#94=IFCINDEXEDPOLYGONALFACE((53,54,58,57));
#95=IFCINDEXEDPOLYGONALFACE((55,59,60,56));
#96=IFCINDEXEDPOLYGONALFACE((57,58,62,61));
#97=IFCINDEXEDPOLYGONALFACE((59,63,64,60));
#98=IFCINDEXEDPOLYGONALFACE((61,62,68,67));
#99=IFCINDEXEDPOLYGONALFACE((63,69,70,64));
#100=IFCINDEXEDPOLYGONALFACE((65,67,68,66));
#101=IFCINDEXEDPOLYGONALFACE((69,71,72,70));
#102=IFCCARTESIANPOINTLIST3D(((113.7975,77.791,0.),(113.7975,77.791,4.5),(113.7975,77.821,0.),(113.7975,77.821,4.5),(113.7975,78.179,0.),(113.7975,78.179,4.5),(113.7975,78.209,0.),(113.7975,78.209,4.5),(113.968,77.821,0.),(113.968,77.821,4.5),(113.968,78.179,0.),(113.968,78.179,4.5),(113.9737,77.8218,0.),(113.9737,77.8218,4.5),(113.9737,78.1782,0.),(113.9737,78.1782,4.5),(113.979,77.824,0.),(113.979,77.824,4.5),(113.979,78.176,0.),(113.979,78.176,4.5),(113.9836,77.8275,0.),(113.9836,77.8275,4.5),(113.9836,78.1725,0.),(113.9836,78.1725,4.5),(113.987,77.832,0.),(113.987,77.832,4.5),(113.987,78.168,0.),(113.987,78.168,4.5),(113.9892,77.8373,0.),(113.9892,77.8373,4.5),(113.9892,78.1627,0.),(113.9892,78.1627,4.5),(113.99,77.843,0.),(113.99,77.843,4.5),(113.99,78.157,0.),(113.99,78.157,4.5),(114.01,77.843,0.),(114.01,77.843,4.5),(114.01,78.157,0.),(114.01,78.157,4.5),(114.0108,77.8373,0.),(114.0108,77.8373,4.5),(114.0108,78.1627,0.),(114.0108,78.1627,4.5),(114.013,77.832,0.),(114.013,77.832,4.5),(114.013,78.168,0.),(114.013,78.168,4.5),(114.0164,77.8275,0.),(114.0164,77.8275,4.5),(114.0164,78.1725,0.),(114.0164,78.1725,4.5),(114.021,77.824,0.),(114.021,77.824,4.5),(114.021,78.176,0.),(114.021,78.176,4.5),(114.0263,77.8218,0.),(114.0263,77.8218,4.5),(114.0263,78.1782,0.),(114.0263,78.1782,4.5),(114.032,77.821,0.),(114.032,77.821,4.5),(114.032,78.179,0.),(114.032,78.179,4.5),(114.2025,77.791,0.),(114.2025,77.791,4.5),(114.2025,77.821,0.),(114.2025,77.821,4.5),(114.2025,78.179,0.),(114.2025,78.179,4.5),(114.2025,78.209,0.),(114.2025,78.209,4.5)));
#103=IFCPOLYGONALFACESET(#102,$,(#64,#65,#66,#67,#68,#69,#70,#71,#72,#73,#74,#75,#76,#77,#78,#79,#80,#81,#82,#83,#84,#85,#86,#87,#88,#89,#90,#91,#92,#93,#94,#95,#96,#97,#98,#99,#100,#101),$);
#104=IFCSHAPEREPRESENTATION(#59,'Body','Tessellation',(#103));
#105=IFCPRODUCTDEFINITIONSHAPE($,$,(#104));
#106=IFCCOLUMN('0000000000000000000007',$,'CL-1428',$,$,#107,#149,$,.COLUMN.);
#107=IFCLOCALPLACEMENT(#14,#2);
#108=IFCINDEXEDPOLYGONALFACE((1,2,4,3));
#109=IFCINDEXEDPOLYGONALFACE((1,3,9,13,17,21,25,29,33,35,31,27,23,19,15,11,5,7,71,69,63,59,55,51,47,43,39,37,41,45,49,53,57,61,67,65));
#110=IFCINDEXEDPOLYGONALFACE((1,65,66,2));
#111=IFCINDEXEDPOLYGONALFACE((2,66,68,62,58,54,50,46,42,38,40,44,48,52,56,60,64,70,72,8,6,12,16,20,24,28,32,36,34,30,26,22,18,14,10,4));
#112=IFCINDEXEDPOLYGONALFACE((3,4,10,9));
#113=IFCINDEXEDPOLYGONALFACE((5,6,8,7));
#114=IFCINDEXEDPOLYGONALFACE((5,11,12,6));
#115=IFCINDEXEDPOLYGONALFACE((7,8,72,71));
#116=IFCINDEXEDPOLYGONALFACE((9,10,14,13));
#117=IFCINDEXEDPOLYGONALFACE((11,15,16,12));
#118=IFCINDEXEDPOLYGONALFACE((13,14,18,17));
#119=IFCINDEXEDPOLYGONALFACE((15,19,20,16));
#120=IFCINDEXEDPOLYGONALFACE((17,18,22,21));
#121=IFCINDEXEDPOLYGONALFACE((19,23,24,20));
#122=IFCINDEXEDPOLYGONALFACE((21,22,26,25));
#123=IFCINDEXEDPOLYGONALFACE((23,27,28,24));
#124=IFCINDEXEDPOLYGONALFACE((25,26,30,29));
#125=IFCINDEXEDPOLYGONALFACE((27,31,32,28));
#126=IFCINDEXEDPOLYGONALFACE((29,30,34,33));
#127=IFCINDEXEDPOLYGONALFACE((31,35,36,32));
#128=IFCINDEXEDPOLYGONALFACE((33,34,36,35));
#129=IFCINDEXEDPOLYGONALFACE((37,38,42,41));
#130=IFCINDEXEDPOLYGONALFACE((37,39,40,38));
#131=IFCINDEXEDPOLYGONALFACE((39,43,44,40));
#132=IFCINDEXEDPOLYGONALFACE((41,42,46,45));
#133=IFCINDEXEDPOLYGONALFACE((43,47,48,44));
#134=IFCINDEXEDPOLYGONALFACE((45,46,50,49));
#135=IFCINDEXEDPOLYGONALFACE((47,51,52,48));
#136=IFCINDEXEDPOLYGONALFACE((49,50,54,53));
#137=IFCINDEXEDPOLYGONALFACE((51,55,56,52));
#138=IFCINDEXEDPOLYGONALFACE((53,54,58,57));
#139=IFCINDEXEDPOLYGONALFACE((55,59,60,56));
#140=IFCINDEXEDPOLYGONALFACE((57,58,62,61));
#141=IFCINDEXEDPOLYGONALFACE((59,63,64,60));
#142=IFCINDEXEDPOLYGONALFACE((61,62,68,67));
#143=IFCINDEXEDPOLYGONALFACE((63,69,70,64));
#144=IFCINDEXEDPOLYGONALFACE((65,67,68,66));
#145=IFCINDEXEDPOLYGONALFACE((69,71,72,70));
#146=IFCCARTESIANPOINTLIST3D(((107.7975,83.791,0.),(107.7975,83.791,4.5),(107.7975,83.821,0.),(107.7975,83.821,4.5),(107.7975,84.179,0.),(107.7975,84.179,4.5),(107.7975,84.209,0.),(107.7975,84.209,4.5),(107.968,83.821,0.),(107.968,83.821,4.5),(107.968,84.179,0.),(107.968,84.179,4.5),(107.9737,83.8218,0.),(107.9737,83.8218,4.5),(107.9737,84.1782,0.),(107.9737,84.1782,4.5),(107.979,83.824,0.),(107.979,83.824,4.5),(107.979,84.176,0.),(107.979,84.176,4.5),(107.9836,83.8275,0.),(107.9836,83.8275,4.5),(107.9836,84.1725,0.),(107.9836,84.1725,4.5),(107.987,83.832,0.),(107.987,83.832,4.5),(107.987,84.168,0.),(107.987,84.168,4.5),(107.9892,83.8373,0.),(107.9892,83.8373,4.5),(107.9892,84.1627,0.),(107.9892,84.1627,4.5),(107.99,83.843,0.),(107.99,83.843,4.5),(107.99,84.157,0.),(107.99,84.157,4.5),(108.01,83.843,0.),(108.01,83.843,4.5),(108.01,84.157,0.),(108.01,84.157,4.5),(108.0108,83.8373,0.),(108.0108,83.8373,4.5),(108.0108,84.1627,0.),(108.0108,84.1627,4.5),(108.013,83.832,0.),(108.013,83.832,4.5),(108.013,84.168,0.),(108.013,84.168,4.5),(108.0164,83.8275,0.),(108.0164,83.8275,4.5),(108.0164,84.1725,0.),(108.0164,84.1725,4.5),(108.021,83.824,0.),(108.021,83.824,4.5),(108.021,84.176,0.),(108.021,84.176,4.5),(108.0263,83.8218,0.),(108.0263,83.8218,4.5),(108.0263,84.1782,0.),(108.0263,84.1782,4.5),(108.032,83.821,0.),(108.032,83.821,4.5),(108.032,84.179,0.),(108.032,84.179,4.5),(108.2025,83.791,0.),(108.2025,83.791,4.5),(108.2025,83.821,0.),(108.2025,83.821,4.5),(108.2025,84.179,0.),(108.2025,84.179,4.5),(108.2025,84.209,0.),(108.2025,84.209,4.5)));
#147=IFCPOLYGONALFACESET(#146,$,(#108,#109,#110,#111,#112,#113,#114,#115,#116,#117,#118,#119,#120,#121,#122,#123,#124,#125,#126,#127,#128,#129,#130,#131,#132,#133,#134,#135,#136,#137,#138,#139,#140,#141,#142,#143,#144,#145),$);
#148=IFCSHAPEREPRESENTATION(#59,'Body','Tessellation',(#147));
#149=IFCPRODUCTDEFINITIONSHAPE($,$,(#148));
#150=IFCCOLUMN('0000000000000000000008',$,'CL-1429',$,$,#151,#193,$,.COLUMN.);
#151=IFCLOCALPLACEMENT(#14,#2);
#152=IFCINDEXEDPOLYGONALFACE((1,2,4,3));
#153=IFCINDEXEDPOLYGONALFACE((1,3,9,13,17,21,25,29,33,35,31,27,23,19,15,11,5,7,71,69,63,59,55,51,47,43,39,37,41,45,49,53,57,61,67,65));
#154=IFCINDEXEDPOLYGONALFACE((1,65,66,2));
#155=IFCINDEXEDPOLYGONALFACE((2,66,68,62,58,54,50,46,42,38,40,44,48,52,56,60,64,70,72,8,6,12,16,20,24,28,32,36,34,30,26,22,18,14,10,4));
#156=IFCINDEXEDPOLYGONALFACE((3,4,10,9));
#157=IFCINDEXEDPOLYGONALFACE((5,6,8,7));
● ● ● ●
EXERCISE
The lines above from the one with "#140=IFCINDEXEDPOLYGONALFACE((57,58,62,61));" through the one with "#145=IFCINDEXEDPOLYGONALFACE((69,71,72,70));" are to be duplicated exactly, ends included, with nothing added.

PROBLEM SOLUTION
#140=IFCINDEXEDPOLYGONALFACE((57,58,62,61));
#141=IFCINDEXEDPOLYGONALFACE((59,63,64,60));
#142=IFCINDEXEDPOLYGONALFACE((61,62,68,67));
#143=IFCINDEXEDPOLYGONALFACE((63,69,70,64));
#144=IFCINDEXEDPOLYGONALFACE((65,67,68,66));
#145=IFCINDEXEDPOLYGONALFACE((69,71,72,70));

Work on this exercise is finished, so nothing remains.